[Stored entries]
________

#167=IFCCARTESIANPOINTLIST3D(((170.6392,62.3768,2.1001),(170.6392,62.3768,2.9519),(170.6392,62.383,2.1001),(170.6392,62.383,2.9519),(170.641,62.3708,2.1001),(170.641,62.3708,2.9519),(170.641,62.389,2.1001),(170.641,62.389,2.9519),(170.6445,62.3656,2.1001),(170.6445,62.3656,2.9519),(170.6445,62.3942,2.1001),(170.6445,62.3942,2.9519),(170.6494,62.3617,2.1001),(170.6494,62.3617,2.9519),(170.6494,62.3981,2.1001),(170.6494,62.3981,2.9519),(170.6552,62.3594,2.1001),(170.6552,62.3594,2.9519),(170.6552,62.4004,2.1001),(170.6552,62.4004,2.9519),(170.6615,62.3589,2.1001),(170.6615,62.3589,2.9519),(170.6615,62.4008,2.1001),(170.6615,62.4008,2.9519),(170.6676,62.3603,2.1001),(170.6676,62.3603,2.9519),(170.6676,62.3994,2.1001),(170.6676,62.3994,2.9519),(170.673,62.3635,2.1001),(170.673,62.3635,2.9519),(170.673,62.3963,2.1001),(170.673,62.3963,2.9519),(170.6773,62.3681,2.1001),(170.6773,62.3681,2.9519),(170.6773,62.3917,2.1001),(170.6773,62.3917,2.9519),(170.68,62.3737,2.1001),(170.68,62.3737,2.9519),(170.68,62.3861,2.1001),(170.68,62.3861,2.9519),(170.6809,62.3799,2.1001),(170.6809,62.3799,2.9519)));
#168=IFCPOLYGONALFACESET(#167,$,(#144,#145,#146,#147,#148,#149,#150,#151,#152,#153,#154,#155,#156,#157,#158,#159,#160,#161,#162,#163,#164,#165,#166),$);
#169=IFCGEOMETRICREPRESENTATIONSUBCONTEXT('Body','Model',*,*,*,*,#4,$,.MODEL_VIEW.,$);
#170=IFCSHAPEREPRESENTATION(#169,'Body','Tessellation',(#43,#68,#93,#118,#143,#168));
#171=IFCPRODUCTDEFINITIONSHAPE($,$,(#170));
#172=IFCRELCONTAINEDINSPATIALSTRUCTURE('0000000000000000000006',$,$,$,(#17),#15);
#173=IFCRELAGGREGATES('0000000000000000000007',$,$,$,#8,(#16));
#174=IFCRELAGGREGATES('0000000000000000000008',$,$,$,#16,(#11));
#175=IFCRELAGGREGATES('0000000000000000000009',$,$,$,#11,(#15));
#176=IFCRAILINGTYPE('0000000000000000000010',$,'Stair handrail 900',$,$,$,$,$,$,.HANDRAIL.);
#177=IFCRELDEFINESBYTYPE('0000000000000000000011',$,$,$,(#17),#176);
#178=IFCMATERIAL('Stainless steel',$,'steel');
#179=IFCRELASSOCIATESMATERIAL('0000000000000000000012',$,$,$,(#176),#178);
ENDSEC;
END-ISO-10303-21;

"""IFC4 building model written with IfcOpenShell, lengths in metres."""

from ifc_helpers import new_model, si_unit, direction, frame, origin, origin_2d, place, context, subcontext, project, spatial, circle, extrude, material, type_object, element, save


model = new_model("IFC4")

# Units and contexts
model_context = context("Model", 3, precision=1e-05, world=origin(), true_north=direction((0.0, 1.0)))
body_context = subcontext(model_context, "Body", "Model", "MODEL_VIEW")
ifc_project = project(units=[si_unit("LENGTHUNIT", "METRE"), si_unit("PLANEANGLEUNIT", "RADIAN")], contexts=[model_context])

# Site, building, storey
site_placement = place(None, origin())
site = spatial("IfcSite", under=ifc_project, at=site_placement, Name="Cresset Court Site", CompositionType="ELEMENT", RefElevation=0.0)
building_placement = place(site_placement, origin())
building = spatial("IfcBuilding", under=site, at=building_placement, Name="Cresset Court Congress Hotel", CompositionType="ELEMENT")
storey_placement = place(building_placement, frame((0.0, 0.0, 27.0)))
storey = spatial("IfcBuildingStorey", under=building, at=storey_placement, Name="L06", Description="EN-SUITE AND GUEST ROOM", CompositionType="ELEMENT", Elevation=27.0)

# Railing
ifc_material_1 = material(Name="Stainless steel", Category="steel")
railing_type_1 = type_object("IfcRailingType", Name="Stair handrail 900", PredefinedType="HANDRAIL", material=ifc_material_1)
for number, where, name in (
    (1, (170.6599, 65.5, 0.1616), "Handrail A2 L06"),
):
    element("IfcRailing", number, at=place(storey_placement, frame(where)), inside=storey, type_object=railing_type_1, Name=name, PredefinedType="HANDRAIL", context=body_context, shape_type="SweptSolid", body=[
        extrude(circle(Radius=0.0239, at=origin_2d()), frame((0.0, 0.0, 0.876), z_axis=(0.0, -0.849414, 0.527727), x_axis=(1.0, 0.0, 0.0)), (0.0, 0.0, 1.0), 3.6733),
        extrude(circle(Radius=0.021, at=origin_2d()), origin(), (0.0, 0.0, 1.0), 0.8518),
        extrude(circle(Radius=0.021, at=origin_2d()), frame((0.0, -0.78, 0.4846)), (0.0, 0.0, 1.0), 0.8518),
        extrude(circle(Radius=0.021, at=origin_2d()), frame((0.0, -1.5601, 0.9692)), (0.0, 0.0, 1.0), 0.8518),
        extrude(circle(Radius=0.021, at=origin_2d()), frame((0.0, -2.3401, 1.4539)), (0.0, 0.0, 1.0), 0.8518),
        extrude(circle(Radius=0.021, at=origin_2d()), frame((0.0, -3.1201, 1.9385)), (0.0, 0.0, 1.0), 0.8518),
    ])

________

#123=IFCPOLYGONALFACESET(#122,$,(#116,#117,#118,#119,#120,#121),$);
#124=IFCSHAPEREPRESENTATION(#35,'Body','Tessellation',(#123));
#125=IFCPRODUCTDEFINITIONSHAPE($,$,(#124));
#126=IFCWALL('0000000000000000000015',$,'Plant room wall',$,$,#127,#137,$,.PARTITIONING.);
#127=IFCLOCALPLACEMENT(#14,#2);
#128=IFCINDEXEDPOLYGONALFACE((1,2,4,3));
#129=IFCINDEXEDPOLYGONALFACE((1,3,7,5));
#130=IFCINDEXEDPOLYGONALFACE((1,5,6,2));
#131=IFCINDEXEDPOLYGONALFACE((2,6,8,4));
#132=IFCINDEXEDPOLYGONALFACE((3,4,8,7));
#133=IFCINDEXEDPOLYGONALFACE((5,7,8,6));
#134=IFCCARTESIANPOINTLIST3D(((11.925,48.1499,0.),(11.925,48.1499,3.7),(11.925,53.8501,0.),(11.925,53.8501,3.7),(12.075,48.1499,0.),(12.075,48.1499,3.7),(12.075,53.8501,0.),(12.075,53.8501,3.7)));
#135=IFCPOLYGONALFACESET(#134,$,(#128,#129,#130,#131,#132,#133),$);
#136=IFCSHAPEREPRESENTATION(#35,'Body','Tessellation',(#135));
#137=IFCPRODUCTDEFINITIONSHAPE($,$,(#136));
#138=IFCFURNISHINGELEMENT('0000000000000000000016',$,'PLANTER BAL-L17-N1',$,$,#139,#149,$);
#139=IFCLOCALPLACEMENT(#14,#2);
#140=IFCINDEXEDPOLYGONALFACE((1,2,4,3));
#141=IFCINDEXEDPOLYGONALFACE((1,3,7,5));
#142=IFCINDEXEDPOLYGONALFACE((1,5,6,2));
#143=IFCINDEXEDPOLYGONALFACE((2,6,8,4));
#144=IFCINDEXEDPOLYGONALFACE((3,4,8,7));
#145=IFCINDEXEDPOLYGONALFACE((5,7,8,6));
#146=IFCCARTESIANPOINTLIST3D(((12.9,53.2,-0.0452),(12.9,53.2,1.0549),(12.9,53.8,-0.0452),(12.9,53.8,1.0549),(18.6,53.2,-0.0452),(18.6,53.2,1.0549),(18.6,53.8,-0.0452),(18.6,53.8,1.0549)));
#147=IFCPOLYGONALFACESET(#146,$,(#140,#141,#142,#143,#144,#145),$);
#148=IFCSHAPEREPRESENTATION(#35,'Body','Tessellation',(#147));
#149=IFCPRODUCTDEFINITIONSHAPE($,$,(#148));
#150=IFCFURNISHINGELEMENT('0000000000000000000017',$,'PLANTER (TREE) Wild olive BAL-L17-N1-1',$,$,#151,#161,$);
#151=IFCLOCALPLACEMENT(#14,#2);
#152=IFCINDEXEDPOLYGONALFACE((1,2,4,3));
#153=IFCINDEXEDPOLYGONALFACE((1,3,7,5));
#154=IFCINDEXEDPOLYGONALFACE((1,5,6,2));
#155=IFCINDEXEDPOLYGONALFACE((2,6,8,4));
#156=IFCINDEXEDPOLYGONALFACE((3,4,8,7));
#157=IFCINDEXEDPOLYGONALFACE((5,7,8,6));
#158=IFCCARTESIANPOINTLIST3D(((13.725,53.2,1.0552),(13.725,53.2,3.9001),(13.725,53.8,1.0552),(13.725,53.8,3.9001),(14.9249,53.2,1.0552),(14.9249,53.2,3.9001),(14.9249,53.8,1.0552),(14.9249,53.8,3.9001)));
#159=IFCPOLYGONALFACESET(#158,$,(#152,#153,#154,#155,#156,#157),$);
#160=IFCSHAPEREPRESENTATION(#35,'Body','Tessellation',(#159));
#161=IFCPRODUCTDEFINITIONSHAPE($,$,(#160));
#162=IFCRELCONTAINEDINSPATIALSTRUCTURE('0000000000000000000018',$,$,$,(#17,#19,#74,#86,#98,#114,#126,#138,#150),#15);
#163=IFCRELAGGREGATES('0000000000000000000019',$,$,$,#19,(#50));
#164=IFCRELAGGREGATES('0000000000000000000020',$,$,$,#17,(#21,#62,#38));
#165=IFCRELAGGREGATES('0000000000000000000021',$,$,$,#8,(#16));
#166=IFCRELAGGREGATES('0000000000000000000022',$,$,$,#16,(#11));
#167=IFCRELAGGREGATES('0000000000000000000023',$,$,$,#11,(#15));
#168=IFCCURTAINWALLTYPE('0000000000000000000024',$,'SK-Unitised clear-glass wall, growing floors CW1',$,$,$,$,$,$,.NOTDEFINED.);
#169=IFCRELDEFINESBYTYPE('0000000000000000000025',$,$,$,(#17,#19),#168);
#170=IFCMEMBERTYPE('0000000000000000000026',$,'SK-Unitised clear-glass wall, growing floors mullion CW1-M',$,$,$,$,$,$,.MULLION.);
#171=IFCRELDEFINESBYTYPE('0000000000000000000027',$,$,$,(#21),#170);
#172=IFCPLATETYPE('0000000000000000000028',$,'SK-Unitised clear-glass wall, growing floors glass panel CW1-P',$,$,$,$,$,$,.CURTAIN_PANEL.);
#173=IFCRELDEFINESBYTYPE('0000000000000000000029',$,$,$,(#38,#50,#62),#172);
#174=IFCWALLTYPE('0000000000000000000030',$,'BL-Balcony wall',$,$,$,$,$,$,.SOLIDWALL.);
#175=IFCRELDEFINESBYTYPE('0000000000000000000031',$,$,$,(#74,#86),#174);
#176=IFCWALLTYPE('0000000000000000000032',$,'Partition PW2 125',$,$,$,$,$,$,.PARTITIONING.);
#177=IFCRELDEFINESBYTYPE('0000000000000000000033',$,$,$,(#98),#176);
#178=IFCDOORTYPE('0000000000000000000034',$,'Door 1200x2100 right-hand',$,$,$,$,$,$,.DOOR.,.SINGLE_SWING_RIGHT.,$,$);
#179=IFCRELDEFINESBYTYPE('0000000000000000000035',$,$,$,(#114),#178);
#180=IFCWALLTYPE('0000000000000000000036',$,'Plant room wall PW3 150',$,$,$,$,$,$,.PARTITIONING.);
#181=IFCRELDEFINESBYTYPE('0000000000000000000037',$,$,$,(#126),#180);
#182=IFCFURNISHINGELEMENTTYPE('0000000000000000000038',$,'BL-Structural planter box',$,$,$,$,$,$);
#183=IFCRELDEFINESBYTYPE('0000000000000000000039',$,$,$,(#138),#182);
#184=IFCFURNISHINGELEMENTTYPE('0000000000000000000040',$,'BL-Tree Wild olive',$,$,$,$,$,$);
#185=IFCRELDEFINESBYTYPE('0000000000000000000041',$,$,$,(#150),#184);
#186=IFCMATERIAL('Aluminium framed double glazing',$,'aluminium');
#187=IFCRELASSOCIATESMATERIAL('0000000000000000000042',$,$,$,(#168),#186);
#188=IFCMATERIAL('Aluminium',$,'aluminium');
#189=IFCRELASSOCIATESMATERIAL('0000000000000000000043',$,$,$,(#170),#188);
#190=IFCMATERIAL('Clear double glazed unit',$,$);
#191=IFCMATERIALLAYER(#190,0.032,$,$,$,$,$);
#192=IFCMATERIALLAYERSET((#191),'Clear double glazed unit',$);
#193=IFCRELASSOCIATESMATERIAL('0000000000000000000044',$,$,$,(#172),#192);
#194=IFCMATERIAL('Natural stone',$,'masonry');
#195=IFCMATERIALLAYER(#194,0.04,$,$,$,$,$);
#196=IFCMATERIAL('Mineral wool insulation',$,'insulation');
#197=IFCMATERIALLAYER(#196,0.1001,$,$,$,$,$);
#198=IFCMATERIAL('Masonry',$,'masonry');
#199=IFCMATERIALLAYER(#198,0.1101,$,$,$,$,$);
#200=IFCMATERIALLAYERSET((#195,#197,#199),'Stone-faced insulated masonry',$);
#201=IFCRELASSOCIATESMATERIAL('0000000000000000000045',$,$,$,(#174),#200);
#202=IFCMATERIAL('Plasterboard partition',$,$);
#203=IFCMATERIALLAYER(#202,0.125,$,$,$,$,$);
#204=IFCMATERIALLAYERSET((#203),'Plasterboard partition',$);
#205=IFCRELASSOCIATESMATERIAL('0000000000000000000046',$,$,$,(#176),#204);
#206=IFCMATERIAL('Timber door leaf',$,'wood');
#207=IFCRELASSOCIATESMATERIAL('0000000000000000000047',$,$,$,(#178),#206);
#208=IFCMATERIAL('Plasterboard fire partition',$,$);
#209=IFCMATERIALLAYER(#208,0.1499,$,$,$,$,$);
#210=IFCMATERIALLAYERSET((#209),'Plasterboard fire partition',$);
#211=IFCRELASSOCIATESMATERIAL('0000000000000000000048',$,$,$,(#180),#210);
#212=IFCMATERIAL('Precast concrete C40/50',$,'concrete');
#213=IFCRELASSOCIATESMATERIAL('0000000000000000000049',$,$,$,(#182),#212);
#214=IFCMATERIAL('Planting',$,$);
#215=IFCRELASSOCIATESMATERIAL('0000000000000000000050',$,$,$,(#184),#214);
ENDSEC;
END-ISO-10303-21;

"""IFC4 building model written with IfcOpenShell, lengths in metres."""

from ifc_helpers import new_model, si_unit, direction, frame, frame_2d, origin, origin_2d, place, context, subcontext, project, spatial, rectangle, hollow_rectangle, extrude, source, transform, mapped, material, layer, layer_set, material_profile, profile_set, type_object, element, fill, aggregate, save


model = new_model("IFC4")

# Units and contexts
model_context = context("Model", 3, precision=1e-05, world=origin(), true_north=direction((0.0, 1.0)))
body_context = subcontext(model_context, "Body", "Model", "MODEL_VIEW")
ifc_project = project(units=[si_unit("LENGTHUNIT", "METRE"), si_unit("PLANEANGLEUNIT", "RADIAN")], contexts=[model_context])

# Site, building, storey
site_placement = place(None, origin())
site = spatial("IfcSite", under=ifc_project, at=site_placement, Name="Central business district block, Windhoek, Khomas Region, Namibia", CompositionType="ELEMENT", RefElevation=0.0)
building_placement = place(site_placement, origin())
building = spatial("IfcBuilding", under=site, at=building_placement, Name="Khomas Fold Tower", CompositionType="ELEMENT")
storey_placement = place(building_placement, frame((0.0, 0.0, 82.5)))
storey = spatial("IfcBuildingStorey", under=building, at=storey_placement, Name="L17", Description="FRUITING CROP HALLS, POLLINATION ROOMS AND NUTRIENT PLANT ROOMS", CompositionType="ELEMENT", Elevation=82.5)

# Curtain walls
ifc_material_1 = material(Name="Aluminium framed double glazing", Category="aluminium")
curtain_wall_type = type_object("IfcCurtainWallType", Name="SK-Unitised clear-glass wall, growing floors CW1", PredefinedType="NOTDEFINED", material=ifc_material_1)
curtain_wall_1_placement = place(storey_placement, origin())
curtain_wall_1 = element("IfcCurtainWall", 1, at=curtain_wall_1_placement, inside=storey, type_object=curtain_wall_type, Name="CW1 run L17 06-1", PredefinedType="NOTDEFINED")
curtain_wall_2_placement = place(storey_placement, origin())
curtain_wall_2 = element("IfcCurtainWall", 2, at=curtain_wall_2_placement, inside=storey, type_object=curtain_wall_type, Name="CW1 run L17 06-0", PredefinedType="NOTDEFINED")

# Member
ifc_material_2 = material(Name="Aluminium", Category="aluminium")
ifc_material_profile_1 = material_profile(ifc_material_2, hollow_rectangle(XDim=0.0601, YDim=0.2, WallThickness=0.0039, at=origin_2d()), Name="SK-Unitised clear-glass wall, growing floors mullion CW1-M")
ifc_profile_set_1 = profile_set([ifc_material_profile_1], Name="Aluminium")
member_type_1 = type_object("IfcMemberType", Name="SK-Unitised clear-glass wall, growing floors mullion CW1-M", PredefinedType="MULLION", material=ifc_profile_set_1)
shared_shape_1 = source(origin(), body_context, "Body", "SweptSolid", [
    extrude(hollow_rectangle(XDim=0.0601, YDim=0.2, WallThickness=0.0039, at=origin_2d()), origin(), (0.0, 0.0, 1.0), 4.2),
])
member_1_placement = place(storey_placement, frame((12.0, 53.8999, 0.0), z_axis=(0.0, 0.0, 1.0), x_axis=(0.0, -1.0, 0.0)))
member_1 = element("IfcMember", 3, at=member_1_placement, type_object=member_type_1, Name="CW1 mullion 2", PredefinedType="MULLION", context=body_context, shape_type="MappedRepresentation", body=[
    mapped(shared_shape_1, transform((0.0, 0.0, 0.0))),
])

________

AIM OF THE EXERCISE ->
Of all the entries above, repeat only the lines from the line that has "#133=IFCINDEXEDPOLYGONALFACE((5,7,8,6));" to the line that has "#136=IFCSHAPEREPRESENTATION(#35,'Body','Tessellation',(#135));", both lines included, exactly.

RESPONSE FOR THIS EXERCISE ->
#133=IFCINDEXEDPOLYGONALFACE((5,7,8,6));
#134=IFCCARTESIANPOINTLIST3D(((11.925,48.1499,0.),(11.925,48.1499,3.7),(11.925,53.8501,0.),(11.925,53.8501,3.7),(12.075,48.1499,0.),(12.075,48.1499,3.7),(12.075,53.8501,0.),(12.075,53.8501,3.7)));
#135=IFCPOLYGONALFACESET(#134,$,(#128,#129,#130,#131,#132,#133),$);
#136=IFCSHAPEREPRESENTATION(#35,'Body','Tessellation',(#135));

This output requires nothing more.